Goal of the exercise ->
Once you find the line containing "FILE_DESCRIPTION((''),'2;1');" in the data below, copy it and each following line exactly, up to and including the line containing "#7=IFCUNITASSIGNMENT((#5,#6));", and nothing else.

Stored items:
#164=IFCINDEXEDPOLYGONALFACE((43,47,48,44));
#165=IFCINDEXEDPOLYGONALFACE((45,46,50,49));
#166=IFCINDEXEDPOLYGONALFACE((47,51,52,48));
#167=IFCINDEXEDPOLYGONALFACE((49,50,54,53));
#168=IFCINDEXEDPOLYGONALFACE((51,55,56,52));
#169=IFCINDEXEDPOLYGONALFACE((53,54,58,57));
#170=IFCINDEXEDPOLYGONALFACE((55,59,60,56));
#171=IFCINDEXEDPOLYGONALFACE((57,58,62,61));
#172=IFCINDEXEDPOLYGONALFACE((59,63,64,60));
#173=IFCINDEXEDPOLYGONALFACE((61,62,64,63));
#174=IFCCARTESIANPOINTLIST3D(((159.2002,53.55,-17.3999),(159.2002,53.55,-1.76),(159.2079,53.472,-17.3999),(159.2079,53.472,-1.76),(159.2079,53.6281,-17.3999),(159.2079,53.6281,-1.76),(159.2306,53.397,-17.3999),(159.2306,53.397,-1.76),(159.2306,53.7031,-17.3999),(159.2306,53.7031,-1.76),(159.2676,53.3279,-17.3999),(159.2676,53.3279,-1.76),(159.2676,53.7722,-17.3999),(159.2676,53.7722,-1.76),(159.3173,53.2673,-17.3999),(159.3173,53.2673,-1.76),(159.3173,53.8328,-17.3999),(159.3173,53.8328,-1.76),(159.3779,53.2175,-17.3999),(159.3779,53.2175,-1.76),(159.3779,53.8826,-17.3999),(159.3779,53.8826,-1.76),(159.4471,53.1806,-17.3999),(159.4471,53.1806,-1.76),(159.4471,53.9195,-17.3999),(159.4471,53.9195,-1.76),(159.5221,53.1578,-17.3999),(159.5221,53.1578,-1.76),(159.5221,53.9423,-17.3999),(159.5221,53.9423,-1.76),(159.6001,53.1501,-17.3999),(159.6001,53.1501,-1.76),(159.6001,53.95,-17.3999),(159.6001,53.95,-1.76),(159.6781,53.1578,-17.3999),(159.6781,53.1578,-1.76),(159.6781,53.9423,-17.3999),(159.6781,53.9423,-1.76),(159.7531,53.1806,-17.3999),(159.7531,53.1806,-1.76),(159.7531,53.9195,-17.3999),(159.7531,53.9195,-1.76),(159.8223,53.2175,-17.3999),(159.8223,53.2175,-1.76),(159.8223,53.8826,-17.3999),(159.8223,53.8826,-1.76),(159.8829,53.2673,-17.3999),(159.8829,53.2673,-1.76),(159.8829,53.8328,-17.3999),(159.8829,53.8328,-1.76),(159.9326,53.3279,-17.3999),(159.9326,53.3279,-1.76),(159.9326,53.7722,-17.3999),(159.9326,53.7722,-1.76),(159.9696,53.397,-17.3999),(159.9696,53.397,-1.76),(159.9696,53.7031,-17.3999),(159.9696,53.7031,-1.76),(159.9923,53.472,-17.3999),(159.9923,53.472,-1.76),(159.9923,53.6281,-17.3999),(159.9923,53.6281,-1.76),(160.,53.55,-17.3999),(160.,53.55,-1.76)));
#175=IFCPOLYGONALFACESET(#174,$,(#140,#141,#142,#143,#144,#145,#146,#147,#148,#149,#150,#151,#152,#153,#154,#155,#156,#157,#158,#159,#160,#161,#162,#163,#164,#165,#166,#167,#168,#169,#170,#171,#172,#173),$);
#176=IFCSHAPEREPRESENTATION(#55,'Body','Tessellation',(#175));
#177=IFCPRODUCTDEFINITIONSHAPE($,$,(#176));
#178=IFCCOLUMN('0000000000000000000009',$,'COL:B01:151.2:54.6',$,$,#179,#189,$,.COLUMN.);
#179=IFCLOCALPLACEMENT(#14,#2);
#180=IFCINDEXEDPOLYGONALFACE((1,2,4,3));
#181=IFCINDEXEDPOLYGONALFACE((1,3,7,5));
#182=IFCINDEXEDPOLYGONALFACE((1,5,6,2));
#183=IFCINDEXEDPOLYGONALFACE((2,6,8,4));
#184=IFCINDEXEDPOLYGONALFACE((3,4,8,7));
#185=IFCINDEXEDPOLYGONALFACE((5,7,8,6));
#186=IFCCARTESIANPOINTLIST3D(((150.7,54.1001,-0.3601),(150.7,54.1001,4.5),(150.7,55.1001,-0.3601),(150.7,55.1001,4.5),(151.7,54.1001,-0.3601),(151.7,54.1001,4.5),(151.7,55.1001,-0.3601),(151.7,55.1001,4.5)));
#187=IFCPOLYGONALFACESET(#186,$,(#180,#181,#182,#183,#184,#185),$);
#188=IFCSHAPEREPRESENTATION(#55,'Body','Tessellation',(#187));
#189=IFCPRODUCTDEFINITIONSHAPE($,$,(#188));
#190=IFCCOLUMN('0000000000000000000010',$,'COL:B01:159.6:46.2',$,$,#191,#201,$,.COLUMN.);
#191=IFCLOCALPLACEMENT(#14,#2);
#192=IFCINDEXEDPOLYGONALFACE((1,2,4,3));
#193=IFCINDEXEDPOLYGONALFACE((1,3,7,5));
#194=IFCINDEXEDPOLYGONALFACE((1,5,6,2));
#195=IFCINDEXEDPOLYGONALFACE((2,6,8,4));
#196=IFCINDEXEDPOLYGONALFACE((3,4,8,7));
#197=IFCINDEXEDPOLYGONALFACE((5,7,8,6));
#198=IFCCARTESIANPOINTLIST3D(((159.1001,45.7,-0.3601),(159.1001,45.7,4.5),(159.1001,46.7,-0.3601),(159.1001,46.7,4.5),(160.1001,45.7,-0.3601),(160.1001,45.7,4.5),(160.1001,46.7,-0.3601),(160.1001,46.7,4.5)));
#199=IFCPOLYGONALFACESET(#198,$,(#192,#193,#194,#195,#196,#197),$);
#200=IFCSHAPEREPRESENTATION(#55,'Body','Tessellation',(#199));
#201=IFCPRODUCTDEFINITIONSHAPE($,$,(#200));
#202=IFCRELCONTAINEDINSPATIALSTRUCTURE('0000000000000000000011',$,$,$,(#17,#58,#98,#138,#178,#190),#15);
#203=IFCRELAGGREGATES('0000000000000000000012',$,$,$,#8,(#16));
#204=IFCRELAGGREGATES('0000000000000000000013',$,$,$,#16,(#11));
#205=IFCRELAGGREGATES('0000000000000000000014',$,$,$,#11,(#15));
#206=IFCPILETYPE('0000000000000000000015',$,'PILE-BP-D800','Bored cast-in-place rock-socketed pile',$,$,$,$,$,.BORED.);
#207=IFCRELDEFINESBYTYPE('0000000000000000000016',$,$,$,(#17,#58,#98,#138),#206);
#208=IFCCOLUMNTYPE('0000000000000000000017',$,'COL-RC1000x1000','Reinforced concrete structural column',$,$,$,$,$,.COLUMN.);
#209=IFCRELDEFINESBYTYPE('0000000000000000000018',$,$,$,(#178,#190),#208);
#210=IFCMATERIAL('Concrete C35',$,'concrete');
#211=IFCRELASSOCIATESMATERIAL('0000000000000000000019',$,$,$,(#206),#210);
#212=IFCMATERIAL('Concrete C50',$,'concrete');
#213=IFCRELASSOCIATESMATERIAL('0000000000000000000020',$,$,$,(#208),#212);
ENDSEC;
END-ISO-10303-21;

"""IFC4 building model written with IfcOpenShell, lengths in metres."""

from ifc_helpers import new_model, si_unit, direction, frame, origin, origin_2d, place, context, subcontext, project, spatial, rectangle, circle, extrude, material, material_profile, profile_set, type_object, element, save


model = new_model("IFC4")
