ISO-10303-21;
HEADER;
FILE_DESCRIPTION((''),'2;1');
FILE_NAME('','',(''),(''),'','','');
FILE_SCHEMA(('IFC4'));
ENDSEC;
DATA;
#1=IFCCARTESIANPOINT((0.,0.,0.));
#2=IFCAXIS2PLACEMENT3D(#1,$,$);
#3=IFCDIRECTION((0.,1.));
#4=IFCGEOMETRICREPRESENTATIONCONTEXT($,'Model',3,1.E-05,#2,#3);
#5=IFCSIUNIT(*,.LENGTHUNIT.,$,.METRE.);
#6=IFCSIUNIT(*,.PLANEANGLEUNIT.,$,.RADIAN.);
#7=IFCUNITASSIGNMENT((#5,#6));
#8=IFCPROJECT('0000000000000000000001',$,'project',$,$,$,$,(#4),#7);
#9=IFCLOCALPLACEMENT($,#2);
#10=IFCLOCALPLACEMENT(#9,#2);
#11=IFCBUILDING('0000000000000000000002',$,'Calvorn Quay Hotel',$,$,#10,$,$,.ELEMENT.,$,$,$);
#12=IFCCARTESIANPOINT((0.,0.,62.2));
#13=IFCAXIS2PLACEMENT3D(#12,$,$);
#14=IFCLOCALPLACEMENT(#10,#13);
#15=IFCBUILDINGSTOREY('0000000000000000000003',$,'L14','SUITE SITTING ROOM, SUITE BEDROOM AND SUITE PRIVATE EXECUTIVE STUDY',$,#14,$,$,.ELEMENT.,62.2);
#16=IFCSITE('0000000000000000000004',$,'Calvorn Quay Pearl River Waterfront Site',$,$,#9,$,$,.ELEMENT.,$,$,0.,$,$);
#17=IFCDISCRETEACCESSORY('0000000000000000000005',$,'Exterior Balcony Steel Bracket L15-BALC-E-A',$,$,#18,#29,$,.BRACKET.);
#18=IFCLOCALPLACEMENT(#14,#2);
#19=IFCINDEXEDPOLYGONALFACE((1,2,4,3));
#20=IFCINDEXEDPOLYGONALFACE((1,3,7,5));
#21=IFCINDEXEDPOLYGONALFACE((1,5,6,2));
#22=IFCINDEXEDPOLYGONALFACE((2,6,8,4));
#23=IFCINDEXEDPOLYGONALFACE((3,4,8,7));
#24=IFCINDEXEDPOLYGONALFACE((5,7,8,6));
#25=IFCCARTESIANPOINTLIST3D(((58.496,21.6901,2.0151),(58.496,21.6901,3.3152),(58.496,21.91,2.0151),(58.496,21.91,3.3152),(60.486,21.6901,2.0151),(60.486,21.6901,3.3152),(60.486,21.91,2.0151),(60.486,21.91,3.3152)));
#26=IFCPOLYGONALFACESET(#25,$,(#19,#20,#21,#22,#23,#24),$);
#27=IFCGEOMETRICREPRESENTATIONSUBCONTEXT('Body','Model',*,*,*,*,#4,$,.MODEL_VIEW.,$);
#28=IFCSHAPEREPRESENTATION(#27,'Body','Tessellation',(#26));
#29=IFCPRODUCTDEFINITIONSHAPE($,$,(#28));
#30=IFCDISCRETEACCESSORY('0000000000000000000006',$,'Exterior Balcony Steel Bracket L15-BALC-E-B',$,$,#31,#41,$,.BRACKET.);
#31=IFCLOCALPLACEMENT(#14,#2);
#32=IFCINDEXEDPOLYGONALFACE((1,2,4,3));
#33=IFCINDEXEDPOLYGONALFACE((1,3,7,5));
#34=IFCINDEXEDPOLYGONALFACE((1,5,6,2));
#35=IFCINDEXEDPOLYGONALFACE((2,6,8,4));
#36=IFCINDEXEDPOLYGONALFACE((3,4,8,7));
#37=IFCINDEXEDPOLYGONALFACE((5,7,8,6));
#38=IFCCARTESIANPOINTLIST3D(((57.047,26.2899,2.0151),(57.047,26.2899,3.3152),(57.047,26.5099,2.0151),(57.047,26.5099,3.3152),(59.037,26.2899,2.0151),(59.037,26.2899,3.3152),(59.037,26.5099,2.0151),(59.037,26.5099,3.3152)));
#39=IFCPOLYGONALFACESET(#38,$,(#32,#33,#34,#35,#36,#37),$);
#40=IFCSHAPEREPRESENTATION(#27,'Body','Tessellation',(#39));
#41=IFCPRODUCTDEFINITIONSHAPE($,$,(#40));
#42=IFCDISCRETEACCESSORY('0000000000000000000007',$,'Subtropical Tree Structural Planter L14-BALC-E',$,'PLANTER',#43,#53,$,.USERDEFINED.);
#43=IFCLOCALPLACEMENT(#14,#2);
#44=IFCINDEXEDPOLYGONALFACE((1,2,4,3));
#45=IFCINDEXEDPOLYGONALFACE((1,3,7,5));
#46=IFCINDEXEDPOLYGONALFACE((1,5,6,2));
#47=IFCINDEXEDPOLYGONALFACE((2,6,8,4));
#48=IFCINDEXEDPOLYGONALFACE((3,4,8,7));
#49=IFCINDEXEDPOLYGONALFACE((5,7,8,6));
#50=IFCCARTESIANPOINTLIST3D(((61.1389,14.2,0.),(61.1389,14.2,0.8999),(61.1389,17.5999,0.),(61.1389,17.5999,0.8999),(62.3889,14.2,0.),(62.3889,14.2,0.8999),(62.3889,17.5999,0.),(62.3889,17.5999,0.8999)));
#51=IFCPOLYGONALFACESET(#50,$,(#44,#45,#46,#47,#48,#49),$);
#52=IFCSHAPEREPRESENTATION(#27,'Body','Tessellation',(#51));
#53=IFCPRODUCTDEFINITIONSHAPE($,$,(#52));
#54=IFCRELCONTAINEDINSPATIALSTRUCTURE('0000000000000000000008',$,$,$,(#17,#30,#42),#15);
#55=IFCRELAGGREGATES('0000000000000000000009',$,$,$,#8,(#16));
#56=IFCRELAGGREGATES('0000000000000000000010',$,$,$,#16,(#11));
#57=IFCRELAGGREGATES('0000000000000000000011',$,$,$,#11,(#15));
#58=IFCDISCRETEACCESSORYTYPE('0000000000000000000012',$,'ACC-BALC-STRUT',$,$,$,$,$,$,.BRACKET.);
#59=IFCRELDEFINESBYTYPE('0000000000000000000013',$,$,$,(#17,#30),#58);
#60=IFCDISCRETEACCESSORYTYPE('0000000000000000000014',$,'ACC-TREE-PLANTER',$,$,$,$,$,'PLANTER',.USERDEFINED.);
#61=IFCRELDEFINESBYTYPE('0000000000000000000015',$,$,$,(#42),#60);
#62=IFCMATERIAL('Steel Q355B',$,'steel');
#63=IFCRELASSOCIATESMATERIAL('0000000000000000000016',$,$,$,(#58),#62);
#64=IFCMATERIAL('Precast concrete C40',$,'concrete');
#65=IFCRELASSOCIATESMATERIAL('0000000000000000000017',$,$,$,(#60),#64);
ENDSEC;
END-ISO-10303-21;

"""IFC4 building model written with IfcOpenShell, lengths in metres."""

from ifc_helpers import new_model, si_unit, direction, frame, origin, origin_2d, place, context, subcontext, project, spatial, rectangle, extrude, material, type_object, element, save


model = new_model("IFC4")

# Units and contexts
model_context = context("Model", 3, precision=1e-05, world=origin(), true_north=direction((0.0, 1.0)))
body_context = subcontext(model_context, "Body", "Model", "MODEL_VIEW")
ifc_project = project(units=[si_unit("LENGTHUNIT", "METRE"), si_unit("PLANEANGLEUNIT", "RADIAN")], contexts=[model_context])

# Site, building, storey
site_placement = place(None, origin())
site = spatial("IfcSite", under=ifc_project, at=site_placement, Name="Calvorn Quay Pearl River Waterfront Site", CompositionType="ELEMENT", RefElevation=0.0)
building_placement = place(site_placement, origin())
building = spatial("IfcBuilding", under=site, at=building_placement, Name="Calvorn Quay Hotel", CompositionType="ELEMENT")
storey_placement = place(building_placement, frame((0.0, 0.0, 62.2)))
storey = spatial("IfcBuildingStorey", under=building, at=storey_placement, Name="L14", Description="SUITE SITTING ROOM, SUITE BEDROOM AND SUITE PRIVATE EXECUTIVE STUDY", CompositionType="ELEMENT", Elevation=62.2)

# Discrete accessories
ifc_material_1 = material(Name="Steel Q355B", Category="steel")
discrete_accessory_type_1 = type_object("IfcDiscreteAccessoryType", Name="ACC-BALC-STRUT", PredefinedType="BRACKET", material=ifc_material_1)
for number, where, z_axis, x_axis, name in (
    (1, (59.491, 21.8, 2.0151), (0.0, 0.0, 1.0), (1.0, 0.0, 0.0), "Exterior Balcony Steel Bracket L15-BALC-E-A"),
    (2, (58.042, 26.3999, 2.0151), (0.0, 0.0, 1.0), (1.0, 0.0, 0.0), "Exterior Balcony Steel Bracket L15-BALC-E-B"),
):
    element("IfcDiscreteAccessory", number, at=place(storey_placement, frame(where, z_axis=z_axis, x_axis=x_axis)), inside=storey, type_object=discrete_accessory_type_1, Name=name, PredefinedType="BRACKET", context=body_context, shape_type="SweptSolid", body=[
        extrude(rectangle(XDim=1.99, YDim=0.22, at=origin_2d()), origin(), (0.0, 0.0, 1.0), 1.3),
    ])
ifc_material_2 = material(Name="Precast concrete C40", Category="concrete")
discrete_accessory_type_2 = type_object("IfcDiscreteAccessoryType", Name="ACC-TREE-PLANTER", ElementType="PLANTER", PredefinedType="USERDEFINED", material=ifc_material_2)
discrete_accessory_placement = place(storey_placement, frame((61.7639, 15.8999, 0.0), z_axis=(0.0, 0.0, 1.0), x_axis=(1.0, 0.0, 0.0)))
element("IfcDiscreteAccessory", 3, at=discrete_accessory_placement, inside=storey, type_object=discrete_accessory_type_2, Name="Subtropical Tree Structural Planter L14-BALC-E", ObjectType="PLANTER", PredefinedType="USERDEFINED", context=body_context, shape_type="SweptSolid", body=[
    extrude(rectangle(XDim=1.25, YDim=3.3999, at=origin_2d()), origin(), (0.0, 0.0, 1.0), 0.8999),
])

save(model, "model.ifc")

Response to the exercise ->
FILE_DESCRIPTION((''),'2;1');
FILE_NAME('','',(''),(''),'','','');
FILE_SCHEMA(('IFC4'));
ENDSEC;
DATA;
#1=IFCCARTESIANPOINT((0.,0.,0.));
#2=IFCAXIS2PLACEMENT3D(#1,$,$);
#3=IFCDIRECTION((0.,1.));
#4=IFCGEOMETRICREPRESENTATIONCONTEXT($,'Model',3,1.E-05,#2,#3);
#5=IFCSIUNIT(*,.LENGTHUNIT.,$,.METRE.);
#6=IFCSIUNIT(*,.PLANEANGLEUNIT.,$,.RADIAN.);
#7=IFCUNITASSIGNMENT((#5,#6));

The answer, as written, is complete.